- [Action item]:
Start at the line in the entries below that contains "#224=IFCMATERIAL('Steel ASTM A992", stop at the line that contains "building model written", and output exactly the lines in that span, both ends included.

--------------------------------

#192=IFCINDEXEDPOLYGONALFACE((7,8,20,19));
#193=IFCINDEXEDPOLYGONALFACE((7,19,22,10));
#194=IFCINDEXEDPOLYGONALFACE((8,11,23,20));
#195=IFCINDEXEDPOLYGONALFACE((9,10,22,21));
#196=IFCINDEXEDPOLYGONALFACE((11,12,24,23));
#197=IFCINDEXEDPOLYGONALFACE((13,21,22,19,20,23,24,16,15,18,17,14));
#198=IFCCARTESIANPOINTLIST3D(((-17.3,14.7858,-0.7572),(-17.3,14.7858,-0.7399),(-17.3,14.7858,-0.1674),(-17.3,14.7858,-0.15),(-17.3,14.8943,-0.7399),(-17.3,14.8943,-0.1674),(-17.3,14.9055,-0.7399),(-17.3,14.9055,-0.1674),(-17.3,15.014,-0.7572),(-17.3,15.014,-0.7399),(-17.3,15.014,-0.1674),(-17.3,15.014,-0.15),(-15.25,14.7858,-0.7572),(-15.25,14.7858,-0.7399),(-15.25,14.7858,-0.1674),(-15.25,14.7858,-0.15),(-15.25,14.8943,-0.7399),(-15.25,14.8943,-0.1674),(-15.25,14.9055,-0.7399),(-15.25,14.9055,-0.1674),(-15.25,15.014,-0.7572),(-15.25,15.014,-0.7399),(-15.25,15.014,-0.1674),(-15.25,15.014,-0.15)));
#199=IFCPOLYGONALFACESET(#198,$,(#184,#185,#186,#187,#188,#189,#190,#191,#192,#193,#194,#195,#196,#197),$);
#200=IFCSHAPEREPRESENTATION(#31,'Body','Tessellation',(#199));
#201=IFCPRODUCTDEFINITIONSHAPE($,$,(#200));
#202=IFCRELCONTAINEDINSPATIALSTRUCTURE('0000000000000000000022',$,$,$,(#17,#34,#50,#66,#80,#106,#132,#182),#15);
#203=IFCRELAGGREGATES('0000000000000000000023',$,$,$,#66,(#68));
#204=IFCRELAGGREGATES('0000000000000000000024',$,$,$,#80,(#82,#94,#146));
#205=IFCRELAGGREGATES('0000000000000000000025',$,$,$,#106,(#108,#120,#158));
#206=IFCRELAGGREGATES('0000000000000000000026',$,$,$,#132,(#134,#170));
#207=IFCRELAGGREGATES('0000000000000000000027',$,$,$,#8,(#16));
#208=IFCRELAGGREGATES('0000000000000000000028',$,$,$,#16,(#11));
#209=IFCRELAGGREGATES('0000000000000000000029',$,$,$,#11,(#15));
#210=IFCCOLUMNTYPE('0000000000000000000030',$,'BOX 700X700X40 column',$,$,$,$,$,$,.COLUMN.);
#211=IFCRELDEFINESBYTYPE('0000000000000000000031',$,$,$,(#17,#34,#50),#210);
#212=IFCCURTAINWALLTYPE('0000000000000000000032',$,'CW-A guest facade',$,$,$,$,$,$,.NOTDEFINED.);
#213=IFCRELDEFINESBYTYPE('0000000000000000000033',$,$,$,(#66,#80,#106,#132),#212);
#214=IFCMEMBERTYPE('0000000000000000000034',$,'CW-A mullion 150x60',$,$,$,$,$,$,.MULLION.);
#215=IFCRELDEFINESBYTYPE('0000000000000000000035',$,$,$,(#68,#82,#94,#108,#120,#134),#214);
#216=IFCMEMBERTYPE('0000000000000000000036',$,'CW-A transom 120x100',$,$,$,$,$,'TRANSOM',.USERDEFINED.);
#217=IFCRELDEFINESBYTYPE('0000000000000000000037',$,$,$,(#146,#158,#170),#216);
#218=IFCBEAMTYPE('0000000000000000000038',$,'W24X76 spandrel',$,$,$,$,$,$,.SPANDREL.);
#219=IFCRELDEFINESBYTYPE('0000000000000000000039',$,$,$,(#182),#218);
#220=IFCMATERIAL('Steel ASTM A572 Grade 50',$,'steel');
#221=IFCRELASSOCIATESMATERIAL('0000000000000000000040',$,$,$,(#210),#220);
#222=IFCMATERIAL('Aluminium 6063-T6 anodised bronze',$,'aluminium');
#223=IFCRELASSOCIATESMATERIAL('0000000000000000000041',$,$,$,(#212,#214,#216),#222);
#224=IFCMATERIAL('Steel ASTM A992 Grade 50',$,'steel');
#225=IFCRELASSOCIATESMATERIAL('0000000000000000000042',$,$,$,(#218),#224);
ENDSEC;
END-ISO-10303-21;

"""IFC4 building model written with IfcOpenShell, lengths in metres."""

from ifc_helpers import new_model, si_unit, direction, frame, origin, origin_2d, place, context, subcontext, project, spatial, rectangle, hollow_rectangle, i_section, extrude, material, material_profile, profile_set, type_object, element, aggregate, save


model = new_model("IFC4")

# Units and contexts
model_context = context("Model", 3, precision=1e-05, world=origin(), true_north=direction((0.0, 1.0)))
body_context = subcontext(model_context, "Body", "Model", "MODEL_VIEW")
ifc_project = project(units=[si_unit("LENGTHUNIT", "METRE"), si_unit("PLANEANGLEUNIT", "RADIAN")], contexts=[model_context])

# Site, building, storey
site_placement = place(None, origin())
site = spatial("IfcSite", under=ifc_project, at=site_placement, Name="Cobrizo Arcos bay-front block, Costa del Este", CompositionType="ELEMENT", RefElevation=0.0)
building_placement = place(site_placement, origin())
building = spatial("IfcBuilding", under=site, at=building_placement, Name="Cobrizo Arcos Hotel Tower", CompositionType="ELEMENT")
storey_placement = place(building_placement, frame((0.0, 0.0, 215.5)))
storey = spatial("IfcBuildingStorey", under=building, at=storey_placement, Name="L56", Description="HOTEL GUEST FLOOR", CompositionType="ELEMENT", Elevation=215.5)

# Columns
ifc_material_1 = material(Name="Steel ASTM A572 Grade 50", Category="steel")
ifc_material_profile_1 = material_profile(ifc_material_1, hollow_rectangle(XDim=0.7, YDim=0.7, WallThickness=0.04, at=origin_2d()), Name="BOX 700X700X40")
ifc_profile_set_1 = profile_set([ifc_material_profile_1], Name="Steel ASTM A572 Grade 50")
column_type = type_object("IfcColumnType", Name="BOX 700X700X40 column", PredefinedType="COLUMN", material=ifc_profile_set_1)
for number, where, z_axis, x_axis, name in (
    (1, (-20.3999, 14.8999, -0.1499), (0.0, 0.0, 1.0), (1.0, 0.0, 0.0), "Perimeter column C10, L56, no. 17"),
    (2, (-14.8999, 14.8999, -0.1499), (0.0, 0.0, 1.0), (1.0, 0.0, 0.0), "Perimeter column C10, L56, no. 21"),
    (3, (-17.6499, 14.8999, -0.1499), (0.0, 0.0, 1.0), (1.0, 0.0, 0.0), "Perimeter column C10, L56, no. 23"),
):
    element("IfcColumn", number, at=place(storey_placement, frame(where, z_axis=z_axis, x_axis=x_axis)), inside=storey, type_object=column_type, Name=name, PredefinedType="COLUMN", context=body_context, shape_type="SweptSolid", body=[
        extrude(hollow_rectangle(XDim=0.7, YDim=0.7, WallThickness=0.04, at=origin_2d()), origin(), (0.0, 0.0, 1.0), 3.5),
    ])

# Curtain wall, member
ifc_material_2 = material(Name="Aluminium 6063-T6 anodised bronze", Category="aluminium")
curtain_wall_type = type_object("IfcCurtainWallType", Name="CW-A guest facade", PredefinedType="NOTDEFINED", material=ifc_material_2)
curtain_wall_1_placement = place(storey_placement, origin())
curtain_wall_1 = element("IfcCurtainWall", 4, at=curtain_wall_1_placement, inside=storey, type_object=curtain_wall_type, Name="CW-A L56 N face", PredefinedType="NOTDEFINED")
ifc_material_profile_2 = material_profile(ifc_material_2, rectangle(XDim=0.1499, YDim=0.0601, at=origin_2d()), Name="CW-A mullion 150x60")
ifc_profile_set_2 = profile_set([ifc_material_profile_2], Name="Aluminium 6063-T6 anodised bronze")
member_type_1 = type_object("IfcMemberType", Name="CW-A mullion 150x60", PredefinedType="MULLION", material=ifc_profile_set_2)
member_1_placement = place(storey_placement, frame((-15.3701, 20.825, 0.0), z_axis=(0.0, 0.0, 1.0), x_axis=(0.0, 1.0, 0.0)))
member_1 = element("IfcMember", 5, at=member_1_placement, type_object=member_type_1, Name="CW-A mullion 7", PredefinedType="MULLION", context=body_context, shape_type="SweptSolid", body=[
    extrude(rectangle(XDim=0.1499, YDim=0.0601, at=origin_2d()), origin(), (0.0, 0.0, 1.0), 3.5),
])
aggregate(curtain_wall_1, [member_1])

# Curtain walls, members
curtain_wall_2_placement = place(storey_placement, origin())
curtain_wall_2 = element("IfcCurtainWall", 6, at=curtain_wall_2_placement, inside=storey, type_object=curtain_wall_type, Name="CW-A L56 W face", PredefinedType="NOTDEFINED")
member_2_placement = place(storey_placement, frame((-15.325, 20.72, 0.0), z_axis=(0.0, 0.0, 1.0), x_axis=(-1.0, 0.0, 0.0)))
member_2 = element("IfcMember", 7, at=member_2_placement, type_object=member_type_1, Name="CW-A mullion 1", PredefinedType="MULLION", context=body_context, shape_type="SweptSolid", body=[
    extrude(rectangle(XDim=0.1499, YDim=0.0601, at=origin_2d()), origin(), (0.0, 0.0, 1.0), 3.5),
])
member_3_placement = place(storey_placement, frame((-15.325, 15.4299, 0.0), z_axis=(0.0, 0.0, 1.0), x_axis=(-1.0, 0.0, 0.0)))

--------------------------------

- [Response for this exercise]:
#224=IFCMATERIAL('Steel ASTM A992 Grade 50',$,'steel');
#225=IFCRELASSOCIATESMATERIAL('0000000000000000000042',$,$,$,(#218),#224);
ENDSEC;
END-ISO-10303-21;

"""IFC4 building model written with IfcOpenShell, lengths in metres."""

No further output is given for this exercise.